**Records excerpted from a collection:**
<<<<

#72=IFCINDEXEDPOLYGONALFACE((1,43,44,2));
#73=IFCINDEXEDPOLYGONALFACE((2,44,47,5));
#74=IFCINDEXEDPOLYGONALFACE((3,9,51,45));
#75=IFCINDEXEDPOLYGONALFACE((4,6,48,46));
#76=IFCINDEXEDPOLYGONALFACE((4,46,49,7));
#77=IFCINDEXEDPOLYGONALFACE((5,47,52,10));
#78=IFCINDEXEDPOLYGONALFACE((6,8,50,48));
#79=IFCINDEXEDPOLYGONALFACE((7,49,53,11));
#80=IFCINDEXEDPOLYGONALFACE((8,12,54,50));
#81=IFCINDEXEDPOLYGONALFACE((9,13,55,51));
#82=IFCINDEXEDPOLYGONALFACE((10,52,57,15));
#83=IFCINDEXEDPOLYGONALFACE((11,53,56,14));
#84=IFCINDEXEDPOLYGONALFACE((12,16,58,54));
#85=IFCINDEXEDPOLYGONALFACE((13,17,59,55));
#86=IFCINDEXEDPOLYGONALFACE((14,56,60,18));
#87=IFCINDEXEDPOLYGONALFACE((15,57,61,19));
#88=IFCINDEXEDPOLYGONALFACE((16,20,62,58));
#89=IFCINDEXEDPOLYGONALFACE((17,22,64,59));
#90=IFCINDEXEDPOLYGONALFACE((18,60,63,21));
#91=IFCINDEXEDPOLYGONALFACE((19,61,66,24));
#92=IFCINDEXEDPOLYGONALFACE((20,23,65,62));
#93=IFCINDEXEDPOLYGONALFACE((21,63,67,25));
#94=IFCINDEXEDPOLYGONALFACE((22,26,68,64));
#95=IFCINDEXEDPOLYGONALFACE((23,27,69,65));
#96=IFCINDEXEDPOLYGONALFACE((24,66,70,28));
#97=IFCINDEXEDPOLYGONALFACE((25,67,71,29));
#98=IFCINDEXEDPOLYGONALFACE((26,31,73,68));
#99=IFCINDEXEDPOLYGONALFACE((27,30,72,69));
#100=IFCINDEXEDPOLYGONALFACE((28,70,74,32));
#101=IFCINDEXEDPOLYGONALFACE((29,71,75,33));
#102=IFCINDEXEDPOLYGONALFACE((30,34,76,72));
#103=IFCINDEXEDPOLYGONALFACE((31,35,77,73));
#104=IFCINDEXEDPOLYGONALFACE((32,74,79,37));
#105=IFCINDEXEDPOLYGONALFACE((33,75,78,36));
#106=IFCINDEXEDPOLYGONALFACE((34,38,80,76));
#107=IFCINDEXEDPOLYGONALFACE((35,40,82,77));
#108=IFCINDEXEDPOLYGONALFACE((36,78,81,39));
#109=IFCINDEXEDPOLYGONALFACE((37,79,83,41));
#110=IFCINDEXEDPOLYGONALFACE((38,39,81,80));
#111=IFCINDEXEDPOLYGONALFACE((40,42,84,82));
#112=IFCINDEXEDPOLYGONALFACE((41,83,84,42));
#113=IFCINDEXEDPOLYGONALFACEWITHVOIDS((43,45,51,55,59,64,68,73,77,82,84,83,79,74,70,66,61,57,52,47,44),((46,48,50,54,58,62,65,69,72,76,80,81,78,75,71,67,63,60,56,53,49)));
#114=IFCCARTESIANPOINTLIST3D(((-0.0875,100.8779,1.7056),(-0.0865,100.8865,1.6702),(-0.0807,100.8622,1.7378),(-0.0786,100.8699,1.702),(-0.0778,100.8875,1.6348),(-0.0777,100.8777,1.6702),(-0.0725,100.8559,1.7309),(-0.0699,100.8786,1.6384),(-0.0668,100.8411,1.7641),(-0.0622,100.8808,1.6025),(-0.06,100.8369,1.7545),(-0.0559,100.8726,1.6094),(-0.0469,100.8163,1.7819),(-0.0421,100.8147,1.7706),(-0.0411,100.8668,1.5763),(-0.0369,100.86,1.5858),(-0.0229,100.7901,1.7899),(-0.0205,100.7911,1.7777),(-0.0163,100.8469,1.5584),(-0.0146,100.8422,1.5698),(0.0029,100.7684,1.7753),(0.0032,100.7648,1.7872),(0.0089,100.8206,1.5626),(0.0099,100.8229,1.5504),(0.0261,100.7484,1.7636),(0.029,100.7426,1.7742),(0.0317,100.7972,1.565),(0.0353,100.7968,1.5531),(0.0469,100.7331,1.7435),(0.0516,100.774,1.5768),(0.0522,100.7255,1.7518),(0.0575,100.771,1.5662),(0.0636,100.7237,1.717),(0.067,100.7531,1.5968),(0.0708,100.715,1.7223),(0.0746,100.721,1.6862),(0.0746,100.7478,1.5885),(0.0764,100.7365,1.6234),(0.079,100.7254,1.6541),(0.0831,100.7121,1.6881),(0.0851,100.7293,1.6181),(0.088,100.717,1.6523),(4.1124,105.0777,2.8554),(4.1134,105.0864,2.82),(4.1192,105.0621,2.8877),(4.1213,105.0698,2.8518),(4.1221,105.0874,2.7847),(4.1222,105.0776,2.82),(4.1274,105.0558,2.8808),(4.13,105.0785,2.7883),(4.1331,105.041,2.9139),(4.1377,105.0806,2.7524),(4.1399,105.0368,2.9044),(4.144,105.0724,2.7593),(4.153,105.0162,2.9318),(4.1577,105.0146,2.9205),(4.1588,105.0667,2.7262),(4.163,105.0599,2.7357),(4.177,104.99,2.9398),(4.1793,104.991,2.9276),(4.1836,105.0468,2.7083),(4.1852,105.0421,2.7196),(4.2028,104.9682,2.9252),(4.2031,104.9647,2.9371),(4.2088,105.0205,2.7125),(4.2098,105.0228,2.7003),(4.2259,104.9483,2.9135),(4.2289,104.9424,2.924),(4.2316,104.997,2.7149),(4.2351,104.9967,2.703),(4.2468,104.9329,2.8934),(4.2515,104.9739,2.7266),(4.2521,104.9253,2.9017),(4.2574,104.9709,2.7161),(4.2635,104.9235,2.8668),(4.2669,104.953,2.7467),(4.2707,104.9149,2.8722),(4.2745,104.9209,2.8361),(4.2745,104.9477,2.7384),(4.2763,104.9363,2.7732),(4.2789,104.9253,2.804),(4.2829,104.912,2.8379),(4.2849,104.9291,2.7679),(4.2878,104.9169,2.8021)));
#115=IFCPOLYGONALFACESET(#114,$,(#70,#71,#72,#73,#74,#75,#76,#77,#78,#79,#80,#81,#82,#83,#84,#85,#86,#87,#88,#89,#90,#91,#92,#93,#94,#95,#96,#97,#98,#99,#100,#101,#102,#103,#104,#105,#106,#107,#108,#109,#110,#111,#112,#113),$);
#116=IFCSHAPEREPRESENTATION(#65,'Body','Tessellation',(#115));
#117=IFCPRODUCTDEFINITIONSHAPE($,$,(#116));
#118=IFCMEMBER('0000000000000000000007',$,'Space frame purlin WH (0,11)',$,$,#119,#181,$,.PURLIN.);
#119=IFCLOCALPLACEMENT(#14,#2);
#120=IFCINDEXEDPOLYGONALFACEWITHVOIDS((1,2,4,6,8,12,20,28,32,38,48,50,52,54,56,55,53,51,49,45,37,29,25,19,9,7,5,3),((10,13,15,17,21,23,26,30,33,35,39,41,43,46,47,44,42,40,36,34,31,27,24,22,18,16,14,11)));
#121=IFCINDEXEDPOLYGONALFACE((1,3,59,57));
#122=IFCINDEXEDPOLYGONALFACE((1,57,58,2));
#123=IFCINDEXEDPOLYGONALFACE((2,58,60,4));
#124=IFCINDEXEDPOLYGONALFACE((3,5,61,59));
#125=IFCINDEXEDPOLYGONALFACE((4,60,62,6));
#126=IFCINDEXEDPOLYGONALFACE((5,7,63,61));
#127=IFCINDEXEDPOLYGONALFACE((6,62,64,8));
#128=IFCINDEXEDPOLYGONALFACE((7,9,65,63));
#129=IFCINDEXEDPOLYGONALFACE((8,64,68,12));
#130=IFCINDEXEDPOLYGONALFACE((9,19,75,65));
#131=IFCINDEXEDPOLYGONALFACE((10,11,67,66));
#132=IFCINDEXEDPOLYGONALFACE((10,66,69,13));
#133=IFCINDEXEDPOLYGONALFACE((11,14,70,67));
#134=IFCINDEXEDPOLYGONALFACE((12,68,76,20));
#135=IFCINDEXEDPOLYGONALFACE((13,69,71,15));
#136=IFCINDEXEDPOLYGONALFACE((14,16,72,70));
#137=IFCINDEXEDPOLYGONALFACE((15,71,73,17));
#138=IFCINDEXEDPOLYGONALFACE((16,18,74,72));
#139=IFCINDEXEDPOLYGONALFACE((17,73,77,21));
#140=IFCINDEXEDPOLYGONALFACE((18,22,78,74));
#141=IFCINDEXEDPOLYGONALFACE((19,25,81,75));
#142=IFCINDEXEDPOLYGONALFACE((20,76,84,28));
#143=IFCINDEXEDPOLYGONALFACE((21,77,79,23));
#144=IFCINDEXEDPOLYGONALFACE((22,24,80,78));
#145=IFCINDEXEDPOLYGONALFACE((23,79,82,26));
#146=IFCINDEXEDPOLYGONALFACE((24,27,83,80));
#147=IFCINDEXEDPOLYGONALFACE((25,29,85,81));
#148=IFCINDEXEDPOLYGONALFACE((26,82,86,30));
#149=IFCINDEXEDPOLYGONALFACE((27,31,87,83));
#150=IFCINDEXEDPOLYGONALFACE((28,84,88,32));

>>>>

**TASK OBJECTIVE:**
Starting at the line that has "#106=IFCINDEXEDPOLYGONALFACE((34,38,80,76));" in the records above, restate word for word every line until the one that has "#112=IFCINDEXEDPOLYGONALFACE((41,83,84,42));", and include that one as well.

**ANSWER TO THIS TASK:**
#106=IFCINDEXEDPOLYGONALFACE((34,38,80,76));
#107=IFCINDEXEDPOLYGONALFACE((35,40,82,77));
#108=IFCINDEXEDPOLYGONALFACE((36,78,81,39));
#109=IFCINDEXEDPOLYGONALFACE((37,79,83,41));
#110=IFCINDEXEDPOLYGONALFACE((38,39,81,80));
#111=IFCINDEXEDPOLYGONALFACE((40,42,84,82));
#112=IFCINDEXEDPOLYGONALFACE((41,83,84,42));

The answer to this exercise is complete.